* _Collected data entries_

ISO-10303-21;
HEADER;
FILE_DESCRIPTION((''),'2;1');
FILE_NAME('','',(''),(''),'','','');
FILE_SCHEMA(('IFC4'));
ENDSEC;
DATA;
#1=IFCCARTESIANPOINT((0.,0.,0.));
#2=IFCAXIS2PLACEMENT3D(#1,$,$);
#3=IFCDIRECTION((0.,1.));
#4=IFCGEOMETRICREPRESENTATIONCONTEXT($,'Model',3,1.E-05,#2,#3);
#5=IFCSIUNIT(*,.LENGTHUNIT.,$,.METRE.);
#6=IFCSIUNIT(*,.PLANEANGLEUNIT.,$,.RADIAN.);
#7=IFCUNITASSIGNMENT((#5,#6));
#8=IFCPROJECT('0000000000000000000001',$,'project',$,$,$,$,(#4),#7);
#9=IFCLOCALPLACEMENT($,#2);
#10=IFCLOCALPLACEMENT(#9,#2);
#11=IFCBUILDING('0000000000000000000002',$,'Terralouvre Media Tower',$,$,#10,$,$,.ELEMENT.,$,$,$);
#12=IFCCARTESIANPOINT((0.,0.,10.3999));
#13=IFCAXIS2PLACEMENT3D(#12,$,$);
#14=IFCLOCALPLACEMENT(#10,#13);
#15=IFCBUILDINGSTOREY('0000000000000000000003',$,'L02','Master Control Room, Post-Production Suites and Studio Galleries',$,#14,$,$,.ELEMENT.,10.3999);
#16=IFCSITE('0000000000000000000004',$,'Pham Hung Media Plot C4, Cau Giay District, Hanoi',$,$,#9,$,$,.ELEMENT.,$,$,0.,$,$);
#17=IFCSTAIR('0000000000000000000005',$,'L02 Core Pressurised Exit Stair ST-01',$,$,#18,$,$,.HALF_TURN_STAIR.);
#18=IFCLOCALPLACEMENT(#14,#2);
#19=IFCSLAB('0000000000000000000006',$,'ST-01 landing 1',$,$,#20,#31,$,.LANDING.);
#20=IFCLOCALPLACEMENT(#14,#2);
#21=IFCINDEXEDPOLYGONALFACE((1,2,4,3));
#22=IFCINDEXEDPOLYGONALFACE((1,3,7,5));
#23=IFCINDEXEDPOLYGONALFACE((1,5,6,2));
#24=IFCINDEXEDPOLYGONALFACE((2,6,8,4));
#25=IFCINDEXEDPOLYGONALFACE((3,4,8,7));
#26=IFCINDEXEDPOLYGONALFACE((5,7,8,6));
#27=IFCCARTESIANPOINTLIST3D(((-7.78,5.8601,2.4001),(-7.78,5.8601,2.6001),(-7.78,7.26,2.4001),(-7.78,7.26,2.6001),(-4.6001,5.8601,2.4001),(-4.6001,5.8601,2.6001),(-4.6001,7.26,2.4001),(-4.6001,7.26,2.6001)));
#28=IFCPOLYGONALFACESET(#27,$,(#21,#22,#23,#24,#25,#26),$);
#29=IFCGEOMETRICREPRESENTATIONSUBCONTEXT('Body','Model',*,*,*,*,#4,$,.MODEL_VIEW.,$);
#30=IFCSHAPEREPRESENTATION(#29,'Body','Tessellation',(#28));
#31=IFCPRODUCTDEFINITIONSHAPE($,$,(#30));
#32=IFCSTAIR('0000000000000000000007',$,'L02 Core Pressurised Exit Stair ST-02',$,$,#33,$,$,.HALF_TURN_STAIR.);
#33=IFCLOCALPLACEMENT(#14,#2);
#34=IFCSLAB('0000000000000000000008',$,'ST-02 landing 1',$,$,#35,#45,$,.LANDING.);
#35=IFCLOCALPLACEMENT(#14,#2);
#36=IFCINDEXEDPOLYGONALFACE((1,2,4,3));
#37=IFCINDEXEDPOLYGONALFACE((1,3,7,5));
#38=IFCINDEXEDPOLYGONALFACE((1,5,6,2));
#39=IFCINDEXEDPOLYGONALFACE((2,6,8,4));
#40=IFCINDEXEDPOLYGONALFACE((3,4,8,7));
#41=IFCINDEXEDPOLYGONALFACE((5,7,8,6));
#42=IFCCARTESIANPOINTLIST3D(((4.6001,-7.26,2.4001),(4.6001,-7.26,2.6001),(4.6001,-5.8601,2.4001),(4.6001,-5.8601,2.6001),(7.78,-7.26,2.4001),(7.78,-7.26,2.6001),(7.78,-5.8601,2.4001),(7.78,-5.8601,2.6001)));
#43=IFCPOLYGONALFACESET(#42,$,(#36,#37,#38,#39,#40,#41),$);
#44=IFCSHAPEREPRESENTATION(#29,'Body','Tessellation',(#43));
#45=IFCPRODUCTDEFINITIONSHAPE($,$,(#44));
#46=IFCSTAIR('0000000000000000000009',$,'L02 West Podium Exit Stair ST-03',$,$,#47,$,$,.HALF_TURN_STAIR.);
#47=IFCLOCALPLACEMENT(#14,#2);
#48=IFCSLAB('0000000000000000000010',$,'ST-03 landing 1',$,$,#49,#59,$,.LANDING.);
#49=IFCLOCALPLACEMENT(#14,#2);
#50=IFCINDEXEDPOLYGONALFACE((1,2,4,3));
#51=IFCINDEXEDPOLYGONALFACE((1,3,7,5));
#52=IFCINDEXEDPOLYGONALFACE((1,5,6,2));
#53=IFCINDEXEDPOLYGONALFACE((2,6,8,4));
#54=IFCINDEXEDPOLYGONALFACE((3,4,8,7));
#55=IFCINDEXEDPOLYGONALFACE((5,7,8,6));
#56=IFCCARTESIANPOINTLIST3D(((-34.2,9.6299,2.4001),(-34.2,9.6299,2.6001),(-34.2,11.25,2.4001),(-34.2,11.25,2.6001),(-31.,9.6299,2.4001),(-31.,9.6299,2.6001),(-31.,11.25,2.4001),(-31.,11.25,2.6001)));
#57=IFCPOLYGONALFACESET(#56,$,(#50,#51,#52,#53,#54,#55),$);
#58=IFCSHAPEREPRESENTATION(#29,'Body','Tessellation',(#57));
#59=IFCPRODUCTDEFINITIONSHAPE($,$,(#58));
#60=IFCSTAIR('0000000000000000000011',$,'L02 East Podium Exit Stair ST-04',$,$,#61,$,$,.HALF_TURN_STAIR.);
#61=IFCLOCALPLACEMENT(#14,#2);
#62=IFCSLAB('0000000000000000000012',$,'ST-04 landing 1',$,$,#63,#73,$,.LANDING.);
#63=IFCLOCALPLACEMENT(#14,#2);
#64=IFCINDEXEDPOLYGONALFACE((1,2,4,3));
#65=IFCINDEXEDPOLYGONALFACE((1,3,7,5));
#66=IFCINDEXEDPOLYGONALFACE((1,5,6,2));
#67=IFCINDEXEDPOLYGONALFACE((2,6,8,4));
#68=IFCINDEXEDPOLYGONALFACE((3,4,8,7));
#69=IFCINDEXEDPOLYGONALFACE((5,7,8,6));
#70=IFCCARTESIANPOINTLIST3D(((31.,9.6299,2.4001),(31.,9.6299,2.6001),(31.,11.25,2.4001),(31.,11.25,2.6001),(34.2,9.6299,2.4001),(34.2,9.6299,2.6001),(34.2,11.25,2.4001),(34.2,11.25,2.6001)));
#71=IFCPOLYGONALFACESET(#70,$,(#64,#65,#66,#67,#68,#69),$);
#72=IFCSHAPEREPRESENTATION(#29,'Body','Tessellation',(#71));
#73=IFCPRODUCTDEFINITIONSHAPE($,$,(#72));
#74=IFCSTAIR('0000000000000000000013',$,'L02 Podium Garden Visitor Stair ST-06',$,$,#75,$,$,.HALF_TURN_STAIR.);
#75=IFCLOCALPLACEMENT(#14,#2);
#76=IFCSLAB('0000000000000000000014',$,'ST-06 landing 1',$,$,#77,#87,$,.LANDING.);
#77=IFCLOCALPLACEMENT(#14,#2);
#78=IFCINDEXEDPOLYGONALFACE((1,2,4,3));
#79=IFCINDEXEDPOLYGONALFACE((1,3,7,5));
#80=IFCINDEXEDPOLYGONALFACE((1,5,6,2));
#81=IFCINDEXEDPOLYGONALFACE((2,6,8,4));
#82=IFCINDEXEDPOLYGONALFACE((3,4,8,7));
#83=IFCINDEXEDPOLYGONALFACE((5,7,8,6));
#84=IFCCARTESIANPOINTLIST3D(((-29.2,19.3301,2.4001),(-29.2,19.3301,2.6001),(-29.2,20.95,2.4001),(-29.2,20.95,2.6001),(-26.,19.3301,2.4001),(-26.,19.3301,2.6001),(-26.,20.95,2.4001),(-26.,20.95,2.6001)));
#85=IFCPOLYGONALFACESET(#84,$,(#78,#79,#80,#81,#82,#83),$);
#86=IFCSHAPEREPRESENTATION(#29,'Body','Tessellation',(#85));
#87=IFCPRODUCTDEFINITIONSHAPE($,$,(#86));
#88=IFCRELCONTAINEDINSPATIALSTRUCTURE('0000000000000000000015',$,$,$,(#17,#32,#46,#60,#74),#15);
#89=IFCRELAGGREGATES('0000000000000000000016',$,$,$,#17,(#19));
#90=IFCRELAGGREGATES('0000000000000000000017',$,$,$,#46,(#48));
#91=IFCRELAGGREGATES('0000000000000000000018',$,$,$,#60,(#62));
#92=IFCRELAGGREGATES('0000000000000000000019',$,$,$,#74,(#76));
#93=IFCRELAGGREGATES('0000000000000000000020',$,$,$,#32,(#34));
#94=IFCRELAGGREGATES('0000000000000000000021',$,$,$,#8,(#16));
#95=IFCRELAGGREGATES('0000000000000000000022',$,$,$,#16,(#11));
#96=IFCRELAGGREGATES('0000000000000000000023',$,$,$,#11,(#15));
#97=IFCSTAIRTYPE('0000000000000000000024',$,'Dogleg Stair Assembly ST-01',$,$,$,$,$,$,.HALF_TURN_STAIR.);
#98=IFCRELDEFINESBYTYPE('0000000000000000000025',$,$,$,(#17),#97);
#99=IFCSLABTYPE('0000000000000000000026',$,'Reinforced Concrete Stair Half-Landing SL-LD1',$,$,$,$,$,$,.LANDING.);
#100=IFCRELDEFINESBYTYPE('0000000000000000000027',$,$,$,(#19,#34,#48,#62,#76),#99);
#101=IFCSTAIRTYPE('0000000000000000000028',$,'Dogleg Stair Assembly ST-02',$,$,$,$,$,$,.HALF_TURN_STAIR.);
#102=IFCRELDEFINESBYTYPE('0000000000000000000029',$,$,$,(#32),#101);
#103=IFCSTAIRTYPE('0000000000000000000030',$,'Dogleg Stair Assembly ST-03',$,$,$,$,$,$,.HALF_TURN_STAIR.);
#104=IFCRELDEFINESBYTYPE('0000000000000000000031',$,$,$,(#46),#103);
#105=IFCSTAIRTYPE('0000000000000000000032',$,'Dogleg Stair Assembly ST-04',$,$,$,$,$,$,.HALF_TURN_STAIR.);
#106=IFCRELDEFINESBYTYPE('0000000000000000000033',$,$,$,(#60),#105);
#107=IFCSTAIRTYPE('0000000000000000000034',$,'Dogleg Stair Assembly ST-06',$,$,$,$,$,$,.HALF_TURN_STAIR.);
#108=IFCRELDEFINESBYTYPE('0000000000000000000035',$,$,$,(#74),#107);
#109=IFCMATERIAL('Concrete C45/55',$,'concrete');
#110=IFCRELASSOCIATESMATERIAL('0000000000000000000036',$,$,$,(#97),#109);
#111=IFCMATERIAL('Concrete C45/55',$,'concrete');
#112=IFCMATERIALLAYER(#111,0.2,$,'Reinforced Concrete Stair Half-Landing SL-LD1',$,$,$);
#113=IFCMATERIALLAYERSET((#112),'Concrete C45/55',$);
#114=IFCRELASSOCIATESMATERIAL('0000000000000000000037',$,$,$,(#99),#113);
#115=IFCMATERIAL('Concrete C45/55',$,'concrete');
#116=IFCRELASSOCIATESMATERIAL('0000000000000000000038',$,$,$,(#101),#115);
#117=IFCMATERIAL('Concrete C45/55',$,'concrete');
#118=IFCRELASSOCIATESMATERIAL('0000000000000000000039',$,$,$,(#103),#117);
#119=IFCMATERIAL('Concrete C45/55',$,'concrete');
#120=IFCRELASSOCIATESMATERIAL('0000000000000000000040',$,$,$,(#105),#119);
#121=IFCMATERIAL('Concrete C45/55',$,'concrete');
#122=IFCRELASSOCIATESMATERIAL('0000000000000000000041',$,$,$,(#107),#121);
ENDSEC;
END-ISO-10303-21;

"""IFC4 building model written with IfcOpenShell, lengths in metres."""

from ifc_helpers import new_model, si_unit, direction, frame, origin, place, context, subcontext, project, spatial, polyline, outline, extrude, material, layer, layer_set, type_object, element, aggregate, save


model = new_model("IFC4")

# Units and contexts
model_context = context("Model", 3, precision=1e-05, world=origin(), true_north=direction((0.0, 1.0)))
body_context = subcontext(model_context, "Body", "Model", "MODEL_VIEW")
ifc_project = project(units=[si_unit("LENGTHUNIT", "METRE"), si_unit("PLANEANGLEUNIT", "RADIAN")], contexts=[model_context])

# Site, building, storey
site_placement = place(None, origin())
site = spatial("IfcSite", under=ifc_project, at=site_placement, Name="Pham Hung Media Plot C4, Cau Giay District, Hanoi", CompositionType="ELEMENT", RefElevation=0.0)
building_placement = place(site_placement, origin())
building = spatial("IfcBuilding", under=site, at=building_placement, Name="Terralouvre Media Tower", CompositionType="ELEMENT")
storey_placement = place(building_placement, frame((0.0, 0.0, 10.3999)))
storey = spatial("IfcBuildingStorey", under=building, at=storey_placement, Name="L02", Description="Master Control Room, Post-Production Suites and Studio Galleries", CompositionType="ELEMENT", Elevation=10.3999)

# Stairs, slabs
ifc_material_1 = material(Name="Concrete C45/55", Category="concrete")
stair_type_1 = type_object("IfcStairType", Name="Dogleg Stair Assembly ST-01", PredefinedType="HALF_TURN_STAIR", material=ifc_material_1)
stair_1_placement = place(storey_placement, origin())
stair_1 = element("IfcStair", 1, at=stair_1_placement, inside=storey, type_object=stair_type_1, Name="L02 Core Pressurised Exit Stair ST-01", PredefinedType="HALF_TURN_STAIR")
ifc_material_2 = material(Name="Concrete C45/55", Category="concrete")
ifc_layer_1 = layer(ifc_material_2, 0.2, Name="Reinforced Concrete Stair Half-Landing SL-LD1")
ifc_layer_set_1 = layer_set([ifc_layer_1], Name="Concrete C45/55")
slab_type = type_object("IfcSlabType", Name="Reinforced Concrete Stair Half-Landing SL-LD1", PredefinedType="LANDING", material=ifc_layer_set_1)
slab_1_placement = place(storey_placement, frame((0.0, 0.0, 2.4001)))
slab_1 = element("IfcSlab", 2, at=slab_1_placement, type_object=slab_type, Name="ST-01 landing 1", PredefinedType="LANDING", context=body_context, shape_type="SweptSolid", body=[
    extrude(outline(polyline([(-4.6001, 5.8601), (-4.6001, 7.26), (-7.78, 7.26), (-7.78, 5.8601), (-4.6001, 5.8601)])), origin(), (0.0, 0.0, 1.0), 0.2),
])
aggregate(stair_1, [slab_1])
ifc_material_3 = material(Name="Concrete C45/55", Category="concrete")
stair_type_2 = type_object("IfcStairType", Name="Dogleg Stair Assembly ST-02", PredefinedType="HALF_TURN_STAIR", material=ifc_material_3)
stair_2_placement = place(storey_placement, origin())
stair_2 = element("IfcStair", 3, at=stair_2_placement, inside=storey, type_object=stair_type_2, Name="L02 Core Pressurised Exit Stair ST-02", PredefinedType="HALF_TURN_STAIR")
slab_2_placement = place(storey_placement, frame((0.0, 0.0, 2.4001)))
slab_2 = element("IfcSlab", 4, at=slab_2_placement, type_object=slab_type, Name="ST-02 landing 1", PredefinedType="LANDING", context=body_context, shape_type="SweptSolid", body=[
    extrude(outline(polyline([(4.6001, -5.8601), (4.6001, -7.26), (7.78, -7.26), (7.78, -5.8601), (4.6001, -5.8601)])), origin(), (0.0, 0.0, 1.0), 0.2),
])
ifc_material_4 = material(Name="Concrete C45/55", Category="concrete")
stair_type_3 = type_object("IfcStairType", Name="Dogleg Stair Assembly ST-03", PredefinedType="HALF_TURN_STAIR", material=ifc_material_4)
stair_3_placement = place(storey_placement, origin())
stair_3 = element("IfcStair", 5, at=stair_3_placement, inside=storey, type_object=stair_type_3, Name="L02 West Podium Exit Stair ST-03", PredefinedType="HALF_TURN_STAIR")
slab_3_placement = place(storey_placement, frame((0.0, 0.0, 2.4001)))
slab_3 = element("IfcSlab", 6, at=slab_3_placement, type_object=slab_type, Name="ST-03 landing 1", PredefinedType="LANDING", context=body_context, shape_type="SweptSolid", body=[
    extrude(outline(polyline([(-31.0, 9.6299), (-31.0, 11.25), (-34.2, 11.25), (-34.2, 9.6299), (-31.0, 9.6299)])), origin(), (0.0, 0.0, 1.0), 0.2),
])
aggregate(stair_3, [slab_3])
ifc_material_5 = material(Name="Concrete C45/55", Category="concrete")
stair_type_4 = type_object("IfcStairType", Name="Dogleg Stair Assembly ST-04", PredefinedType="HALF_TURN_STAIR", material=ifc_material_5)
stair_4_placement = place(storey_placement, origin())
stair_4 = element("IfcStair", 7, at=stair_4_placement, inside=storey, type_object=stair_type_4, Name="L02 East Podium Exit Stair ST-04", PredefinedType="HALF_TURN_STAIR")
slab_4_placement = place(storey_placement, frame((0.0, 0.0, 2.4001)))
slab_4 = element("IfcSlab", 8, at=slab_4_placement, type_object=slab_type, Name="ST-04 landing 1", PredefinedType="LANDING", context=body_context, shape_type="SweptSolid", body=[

* _What you have to do_
The entries above hold a line with "#38=IFCINDEXEDPOLYGONALFACE((1,5,6,2));" and a later line with "#45=IFCPRODUCTDEFINITIONSHAPE($,$,(#44));". Write out exactly those lines and all lines between, nothing more.

* _Result below_
#38=IFCINDEXEDPOLYGONALFACE((1,5,6,2));
#39=IFCINDEXEDPOLYGONALFACE((2,6,8,4));
#40=IFCINDEXEDPOLYGONALFACE((3,4,8,7));
#41=IFCINDEXEDPOLYGONALFACE((5,7,8,6));
#42=IFCCARTESIANPOINTLIST3D(((4.6001,-7.26,2.4001),(4.6001,-7.26,2.6001),(4.6001,-5.8601,2.4001),(4.6001,-5.8601,2.6001),(7.78,-7.26,2.4001),(7.78,-7.26,2.6001),(7.78,-5.8601,2.4001),(7.78,-5.8601,2.6001)));
#43=IFCPOLYGONALFACESET(#42,$,(#36,#37,#38,#39,#40,#41),$);
#44=IFCSHAPEREPRESENTATION(#29,'Body','Tessellation',(#43));
#45=IFCPRODUCTDEFINITIONSHAPE($,$,(#44));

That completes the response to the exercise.